Activity. Beginning with the first line of the data below, set down each line exactly through the line that contains "#147=IFCINDEXEDPOLYGONALFACE((5,7,8,6));".

Top of Data supplied

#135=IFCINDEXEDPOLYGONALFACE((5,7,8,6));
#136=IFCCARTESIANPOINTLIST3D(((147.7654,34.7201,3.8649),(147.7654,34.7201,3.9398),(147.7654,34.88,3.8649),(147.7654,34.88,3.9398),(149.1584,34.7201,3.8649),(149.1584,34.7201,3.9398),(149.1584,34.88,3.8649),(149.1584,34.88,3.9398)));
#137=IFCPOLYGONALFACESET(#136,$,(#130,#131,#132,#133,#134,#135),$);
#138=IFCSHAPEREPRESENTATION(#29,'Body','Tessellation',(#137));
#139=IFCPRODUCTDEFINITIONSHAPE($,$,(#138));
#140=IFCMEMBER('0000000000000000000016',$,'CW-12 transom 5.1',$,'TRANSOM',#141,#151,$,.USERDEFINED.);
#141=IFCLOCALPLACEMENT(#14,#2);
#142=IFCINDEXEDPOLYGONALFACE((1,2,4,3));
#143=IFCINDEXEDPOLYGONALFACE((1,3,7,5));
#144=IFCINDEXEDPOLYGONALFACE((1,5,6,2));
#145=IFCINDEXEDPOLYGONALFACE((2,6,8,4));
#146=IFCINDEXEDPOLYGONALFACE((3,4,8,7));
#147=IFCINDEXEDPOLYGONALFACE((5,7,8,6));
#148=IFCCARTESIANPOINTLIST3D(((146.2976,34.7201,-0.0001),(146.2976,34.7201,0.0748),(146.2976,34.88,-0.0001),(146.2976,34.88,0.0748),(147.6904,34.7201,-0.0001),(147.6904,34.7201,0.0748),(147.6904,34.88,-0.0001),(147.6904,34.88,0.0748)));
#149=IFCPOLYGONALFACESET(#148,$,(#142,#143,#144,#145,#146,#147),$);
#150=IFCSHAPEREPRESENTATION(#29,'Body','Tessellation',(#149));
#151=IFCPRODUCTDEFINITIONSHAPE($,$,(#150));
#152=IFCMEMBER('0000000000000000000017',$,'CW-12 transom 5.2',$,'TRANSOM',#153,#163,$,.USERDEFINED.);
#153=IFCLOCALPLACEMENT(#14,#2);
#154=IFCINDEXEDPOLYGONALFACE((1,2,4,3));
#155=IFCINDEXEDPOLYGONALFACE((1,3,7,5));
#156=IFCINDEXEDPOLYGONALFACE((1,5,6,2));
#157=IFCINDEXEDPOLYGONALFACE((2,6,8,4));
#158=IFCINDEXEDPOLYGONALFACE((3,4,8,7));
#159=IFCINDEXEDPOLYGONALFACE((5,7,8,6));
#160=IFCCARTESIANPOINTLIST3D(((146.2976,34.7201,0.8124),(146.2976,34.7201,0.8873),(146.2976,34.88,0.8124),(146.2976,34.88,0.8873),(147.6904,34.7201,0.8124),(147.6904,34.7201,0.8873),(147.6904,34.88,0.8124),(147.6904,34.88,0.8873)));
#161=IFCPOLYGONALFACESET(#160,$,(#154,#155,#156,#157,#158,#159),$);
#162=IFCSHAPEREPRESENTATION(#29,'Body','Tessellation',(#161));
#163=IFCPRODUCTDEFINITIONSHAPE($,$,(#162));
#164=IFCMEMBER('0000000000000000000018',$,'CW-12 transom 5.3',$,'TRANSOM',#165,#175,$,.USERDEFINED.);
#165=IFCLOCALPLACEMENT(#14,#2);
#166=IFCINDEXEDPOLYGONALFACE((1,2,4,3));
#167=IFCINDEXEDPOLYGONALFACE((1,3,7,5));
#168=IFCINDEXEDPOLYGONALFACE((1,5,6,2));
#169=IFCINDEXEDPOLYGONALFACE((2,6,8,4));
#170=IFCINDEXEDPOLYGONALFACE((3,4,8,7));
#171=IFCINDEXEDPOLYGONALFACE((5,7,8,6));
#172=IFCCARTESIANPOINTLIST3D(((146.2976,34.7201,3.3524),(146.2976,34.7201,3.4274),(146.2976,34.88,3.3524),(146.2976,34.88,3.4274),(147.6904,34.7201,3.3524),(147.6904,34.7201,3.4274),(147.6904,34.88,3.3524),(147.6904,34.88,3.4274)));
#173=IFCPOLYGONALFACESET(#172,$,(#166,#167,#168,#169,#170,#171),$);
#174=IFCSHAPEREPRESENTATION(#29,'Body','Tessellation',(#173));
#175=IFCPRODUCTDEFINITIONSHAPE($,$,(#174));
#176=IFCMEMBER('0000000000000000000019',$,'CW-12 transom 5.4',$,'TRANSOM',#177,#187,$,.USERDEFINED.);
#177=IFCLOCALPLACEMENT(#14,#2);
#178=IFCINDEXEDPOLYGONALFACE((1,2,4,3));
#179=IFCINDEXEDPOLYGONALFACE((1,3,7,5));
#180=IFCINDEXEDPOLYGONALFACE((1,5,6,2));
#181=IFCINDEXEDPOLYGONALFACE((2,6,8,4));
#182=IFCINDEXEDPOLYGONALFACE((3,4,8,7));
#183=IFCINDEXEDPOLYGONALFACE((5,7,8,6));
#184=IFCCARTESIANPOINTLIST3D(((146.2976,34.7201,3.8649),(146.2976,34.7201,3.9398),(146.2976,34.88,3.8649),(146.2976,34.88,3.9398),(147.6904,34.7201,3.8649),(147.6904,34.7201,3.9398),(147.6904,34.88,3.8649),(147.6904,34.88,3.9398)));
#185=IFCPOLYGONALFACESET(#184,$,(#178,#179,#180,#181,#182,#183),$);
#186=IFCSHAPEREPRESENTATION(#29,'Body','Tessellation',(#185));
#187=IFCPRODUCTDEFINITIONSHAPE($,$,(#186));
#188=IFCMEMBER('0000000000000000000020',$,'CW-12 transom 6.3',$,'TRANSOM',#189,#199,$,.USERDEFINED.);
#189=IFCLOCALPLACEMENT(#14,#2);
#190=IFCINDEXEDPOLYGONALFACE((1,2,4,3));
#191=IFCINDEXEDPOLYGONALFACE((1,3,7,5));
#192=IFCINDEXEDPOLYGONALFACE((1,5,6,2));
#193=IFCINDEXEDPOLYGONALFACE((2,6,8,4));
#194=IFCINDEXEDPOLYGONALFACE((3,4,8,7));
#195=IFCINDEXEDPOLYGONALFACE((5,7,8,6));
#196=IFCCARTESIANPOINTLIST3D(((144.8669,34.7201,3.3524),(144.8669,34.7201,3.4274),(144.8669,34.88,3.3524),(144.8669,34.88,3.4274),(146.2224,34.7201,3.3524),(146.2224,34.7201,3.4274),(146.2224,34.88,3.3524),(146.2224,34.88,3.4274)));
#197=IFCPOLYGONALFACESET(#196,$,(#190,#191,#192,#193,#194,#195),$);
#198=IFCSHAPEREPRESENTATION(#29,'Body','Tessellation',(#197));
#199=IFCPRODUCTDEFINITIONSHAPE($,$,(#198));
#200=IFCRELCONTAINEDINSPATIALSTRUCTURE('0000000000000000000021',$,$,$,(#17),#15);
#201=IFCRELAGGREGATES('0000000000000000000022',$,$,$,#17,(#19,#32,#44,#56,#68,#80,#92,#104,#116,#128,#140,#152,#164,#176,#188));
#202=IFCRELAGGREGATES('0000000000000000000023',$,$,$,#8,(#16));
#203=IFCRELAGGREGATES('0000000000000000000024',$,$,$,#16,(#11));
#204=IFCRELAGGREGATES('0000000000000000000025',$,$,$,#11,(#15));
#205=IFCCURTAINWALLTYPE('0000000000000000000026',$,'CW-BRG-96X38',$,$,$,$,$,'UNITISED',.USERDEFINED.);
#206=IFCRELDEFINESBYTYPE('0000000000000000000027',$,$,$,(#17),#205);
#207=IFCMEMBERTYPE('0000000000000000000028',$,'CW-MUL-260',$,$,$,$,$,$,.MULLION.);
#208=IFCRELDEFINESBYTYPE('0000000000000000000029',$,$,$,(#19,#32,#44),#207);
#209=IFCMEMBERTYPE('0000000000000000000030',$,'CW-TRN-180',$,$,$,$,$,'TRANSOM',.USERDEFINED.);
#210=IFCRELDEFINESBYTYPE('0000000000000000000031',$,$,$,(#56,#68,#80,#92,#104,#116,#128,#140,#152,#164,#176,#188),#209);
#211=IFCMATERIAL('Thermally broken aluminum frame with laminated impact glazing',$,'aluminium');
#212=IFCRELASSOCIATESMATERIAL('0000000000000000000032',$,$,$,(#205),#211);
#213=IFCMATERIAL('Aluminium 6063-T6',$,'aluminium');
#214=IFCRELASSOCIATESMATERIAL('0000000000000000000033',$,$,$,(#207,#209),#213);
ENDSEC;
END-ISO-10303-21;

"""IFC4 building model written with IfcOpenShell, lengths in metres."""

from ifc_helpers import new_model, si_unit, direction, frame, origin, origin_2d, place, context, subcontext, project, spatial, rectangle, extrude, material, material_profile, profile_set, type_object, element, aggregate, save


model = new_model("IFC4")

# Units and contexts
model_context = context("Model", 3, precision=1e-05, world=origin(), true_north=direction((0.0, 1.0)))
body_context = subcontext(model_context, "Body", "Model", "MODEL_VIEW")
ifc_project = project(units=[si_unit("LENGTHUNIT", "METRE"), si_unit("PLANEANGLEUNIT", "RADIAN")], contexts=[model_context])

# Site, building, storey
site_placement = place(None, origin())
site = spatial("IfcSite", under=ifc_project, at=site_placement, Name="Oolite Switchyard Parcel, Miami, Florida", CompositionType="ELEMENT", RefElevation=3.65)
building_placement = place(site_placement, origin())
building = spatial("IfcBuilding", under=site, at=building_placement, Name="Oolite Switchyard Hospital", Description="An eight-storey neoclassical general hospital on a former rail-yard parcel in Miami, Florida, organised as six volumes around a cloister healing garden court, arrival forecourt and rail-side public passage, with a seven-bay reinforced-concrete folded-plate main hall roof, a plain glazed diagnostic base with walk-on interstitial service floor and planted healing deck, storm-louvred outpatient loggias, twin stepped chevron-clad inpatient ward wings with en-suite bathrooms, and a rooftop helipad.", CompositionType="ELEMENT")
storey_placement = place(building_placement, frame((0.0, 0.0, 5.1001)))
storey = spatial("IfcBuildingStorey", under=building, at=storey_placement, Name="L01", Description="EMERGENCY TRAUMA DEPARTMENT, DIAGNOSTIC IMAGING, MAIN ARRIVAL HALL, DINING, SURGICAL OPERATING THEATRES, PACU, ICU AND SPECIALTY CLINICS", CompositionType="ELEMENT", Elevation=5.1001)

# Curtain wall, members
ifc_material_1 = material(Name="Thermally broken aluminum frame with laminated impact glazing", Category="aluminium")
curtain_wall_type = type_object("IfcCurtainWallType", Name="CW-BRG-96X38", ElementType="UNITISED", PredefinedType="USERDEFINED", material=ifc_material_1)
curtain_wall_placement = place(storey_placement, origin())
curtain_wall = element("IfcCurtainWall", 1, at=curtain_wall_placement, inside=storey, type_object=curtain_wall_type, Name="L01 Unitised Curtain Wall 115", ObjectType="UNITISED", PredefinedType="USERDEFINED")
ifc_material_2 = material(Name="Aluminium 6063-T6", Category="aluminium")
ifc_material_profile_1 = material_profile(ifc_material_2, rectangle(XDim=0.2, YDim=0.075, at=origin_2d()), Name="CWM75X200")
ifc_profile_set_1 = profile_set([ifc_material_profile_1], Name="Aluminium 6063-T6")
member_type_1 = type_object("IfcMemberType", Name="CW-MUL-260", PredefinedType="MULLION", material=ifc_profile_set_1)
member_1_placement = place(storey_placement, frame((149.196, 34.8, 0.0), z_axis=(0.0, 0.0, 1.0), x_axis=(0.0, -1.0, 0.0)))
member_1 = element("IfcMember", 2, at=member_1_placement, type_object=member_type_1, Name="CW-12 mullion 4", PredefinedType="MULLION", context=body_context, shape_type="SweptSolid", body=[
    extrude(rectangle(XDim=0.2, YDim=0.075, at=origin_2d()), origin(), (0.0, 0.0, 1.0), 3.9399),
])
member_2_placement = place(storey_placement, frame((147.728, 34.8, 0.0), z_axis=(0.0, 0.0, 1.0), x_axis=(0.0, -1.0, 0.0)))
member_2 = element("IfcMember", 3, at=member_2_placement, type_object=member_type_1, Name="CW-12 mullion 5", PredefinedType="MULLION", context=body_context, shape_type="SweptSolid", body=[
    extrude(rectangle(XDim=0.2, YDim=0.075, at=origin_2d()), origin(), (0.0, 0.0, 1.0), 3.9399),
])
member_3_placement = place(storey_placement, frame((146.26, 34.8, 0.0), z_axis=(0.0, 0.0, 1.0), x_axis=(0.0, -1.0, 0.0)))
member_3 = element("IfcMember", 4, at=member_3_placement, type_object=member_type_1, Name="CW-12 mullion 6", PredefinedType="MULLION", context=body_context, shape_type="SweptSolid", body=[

Bottom of Data supplied

Answer section.
#135=IFCINDEXEDPOLYGONALFACE((5,7,8,6));
#136=IFCCARTESIANPOINTLIST3D(((147.7654,34.7201,3.8649),(147.7654,34.7201,3.9398),(147.7654,34.88,3.8649),(147.7654,34.88,3.9398),(149.1584,34.7201,3.8649),(149.1584,34.7201,3.9398),(149.1584,34.88,3.8649),(149.1584,34.88,3.9398)));
#137=IFCPOLYGONALFACESET(#136,$,(#130,#131,#132,#133,#134,#135),$);
#138=IFCSHAPEREPRESENTATION(#29,'Body','Tessellation',(#137));
#139=IFCPRODUCTDEFINITIONSHAPE($,$,(#138));
#140=IFCMEMBER('0000000000000000000016',$,'CW-12 transom 5.1',$,'TRANSOM',#141,#151,$,.USERDEFINED.);
#141=IFCLOCALPLACEMENT(#14,#2);
#142=IFCINDEXEDPOLYGONALFACE((1,2,4,3));
#143=IFCINDEXEDPOLYGONALFACE((1,3,7,5));
#144=IFCINDEXEDPOLYGONALFACE((1,5,6,2));
#145=IFCINDEXEDPOLYGONALFACE((2,6,8,4));
#146=IFCINDEXEDPOLYGONALFACE((3,4,8,7));
#147=IFCINDEXEDPOLYGONALFACE((5,7,8,6));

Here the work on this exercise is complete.